* _EXERCISE AIM_: The required result is a copy of each line below in which "IFCRELDEFINESBYTYPE" appears.

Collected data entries
= Beginning of Section =
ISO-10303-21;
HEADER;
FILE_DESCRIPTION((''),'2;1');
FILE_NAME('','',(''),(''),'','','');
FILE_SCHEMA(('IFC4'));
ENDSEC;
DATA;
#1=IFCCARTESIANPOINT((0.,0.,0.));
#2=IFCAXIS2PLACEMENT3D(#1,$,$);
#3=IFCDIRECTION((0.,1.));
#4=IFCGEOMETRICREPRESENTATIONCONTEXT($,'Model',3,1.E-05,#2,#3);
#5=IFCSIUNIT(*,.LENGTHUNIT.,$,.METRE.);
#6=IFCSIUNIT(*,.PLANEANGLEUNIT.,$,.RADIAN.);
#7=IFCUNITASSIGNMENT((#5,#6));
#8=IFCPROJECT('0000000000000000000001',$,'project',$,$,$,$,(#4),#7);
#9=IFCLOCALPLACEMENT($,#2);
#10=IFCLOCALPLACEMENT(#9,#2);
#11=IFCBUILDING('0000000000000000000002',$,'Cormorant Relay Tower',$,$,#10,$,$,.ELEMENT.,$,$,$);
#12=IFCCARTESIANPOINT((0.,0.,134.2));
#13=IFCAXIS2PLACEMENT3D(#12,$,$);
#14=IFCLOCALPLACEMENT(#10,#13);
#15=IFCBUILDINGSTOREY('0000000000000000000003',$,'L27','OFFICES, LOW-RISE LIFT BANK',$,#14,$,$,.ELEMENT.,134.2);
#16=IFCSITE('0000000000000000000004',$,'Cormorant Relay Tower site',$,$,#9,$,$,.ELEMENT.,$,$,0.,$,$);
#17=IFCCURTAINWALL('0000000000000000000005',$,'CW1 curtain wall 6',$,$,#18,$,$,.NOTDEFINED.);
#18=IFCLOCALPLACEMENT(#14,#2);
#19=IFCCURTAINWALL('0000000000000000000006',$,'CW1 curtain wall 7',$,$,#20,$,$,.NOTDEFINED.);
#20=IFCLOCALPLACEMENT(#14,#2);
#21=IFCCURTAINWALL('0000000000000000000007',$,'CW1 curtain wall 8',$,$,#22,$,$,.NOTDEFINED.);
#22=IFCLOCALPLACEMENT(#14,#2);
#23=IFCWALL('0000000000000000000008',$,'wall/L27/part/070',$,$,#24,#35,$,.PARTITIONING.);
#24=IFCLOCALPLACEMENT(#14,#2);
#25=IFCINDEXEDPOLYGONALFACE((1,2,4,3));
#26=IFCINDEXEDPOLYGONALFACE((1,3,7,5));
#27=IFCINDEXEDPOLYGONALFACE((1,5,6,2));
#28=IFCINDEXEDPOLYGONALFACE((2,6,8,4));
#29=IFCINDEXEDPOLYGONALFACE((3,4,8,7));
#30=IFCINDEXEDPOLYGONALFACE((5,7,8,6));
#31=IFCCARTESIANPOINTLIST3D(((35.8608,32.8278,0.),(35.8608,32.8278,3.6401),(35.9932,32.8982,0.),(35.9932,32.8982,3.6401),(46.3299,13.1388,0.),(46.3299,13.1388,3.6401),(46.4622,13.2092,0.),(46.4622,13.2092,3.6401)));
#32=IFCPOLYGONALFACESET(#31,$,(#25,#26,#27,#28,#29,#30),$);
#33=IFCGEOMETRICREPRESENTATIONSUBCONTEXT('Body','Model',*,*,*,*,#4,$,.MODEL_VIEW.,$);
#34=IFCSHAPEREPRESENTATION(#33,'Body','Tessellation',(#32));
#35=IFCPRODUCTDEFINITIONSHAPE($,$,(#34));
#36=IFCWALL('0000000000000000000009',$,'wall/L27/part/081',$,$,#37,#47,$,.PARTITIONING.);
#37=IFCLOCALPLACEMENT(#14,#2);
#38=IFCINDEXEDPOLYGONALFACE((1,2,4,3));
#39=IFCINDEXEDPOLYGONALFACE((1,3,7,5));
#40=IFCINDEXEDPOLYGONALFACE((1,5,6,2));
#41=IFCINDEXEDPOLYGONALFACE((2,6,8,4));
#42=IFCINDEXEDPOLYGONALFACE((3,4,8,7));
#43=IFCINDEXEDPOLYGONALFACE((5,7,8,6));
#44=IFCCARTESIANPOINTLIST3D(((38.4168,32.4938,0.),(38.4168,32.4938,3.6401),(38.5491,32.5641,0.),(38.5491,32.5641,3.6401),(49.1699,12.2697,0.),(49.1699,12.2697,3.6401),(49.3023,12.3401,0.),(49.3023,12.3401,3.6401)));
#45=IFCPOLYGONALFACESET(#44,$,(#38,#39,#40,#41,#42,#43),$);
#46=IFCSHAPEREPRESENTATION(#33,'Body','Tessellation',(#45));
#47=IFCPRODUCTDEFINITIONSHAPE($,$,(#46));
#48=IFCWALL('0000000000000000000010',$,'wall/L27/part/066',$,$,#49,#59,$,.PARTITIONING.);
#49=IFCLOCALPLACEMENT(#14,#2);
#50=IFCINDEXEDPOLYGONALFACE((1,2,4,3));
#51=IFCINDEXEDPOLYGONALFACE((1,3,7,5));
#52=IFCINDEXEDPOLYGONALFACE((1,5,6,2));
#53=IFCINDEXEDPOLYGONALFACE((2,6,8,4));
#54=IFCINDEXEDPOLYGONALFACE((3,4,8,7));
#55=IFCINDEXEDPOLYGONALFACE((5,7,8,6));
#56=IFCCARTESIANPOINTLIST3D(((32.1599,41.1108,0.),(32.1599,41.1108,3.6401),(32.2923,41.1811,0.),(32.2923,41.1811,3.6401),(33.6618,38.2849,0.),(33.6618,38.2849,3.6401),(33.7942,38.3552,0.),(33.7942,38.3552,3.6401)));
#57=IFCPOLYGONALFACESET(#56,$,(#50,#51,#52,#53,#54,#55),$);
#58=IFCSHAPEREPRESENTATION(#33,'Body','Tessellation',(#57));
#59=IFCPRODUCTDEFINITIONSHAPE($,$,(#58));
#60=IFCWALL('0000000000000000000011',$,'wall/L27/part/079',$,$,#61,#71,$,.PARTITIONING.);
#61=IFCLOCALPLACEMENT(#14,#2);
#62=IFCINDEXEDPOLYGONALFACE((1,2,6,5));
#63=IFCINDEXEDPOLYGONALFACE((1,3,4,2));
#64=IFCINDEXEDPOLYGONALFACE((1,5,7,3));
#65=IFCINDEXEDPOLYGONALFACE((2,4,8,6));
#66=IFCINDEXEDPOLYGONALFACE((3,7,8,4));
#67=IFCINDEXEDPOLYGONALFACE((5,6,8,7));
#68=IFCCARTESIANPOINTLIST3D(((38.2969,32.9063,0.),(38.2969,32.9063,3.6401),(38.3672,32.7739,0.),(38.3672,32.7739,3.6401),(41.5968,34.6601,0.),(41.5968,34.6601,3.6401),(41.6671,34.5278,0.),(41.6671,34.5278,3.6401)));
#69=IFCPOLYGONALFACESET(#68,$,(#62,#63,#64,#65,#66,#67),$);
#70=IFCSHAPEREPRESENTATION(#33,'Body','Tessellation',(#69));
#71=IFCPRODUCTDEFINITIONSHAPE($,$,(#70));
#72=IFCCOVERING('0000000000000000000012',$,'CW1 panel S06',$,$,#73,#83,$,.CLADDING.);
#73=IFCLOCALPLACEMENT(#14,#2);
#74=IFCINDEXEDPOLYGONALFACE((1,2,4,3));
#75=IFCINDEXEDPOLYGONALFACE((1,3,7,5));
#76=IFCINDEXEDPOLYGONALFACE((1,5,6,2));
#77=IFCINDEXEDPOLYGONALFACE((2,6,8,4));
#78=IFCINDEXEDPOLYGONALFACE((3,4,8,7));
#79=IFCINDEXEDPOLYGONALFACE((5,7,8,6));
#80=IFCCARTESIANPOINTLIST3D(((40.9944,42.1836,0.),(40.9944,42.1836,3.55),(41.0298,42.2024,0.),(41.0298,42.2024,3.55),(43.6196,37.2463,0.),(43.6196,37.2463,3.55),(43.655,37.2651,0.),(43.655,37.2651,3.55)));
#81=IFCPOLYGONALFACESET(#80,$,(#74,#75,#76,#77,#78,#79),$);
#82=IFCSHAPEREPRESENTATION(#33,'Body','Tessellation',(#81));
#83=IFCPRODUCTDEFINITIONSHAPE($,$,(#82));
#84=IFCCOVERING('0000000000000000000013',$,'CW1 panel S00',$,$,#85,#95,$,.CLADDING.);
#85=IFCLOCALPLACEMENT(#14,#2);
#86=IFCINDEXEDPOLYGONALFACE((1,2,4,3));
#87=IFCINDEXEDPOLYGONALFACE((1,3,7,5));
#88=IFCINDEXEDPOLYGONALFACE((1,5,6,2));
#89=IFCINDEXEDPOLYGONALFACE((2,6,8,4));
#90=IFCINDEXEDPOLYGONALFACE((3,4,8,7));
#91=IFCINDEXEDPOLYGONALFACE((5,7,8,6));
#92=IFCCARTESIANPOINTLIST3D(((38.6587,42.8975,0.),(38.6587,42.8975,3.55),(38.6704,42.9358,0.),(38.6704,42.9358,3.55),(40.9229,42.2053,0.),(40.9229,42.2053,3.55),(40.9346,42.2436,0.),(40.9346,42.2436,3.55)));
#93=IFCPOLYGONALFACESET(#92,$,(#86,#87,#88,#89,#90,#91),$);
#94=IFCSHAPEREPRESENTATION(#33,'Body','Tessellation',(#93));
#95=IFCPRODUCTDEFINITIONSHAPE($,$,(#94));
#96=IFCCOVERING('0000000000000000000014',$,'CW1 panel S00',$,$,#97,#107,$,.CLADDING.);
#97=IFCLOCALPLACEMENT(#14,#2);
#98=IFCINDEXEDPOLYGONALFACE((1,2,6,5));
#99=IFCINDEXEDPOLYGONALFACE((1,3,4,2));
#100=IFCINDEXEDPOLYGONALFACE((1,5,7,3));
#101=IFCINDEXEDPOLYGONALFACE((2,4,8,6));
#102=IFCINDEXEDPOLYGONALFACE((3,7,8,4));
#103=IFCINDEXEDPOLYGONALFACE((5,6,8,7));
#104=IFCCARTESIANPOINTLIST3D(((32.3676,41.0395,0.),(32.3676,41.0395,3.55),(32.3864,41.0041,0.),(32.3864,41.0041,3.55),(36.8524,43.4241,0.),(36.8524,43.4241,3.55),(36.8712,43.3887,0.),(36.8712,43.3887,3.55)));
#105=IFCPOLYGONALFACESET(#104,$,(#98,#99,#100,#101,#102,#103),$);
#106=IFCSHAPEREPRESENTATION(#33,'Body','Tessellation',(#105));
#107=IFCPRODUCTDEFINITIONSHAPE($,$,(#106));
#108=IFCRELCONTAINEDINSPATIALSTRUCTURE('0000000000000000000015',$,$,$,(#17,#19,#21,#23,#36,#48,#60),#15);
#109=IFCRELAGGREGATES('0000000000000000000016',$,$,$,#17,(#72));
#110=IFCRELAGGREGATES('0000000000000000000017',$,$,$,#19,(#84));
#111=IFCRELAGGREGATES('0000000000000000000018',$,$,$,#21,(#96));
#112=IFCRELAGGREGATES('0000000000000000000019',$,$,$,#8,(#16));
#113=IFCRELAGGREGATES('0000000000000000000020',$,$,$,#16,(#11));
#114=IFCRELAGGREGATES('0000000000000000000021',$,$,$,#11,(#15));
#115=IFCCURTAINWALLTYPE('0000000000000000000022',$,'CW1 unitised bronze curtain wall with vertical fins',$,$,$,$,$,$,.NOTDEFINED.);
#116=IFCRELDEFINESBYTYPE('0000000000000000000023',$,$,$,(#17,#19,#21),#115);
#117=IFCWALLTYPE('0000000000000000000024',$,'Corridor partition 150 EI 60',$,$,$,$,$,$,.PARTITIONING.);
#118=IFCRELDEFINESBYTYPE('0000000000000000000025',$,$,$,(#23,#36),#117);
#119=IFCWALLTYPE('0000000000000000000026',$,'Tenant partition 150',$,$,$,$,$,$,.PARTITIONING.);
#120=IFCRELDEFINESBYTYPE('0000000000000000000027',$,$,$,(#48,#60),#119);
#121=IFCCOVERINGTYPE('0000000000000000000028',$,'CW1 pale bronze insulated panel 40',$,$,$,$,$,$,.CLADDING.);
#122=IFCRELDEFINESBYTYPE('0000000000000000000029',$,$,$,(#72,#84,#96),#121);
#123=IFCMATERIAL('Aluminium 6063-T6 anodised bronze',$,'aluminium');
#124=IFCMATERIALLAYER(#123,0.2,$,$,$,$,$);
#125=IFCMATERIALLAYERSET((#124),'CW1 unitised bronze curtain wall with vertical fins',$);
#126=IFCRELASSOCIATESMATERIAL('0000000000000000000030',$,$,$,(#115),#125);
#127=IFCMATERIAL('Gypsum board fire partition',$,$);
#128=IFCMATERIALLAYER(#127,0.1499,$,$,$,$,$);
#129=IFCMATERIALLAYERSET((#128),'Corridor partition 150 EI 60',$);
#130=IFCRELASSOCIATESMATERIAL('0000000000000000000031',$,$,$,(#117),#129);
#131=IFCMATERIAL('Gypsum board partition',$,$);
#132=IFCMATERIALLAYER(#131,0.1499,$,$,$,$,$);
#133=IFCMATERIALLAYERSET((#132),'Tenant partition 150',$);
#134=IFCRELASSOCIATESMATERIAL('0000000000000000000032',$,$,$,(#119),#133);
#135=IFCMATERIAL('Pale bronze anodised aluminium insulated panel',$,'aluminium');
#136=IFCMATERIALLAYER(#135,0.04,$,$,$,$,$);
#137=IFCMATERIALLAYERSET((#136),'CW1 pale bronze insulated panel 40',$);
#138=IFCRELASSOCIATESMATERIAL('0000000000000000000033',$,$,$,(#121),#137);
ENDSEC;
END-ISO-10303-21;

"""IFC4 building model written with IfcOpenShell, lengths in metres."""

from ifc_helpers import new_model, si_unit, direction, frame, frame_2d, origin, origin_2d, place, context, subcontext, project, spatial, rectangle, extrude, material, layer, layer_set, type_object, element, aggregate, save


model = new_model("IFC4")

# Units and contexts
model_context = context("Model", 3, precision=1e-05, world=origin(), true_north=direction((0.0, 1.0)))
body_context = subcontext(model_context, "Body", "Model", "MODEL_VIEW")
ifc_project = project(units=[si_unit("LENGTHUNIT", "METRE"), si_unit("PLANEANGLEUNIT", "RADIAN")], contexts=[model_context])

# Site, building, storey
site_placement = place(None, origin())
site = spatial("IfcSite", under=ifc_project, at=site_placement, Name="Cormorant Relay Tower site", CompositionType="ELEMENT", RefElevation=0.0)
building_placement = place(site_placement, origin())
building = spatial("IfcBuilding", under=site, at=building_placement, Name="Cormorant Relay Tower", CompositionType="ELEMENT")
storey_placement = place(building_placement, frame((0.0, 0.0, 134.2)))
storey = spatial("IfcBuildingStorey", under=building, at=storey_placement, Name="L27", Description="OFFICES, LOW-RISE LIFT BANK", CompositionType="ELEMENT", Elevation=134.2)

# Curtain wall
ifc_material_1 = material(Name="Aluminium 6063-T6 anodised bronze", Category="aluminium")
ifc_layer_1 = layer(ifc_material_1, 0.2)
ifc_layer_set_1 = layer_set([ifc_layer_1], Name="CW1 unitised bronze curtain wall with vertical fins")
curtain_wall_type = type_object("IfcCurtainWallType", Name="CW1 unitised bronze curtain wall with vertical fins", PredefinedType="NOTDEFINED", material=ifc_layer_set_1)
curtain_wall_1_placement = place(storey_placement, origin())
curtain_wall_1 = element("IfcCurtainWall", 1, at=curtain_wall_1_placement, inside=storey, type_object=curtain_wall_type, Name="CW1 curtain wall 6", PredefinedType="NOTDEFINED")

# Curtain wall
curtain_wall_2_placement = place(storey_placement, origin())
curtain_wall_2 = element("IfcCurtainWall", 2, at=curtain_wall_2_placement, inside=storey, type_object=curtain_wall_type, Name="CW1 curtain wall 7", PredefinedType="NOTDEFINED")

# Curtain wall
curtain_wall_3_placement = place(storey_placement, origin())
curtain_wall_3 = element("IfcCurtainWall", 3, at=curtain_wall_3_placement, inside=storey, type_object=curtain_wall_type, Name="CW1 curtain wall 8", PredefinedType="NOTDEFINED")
= End of Section =
* _FINISHED TASK_:
#116=IFCRELDEFINESBYTYPE('0000000000000000000023',$,$,$,(#17,#19,#21),#115);
#118=IFCRELDEFINESBYTYPE('0000000000000000000025',$,$,$,(#23,#36),#117);
#120=IFCRELDEFINESBYTYPE('0000000000000000000027',$,$,$,(#48,#60),#119);
#122=IFCRELDEFINESBYTYPE('0000000000000000000029',$,$,$,(#72,#84,#96),#121);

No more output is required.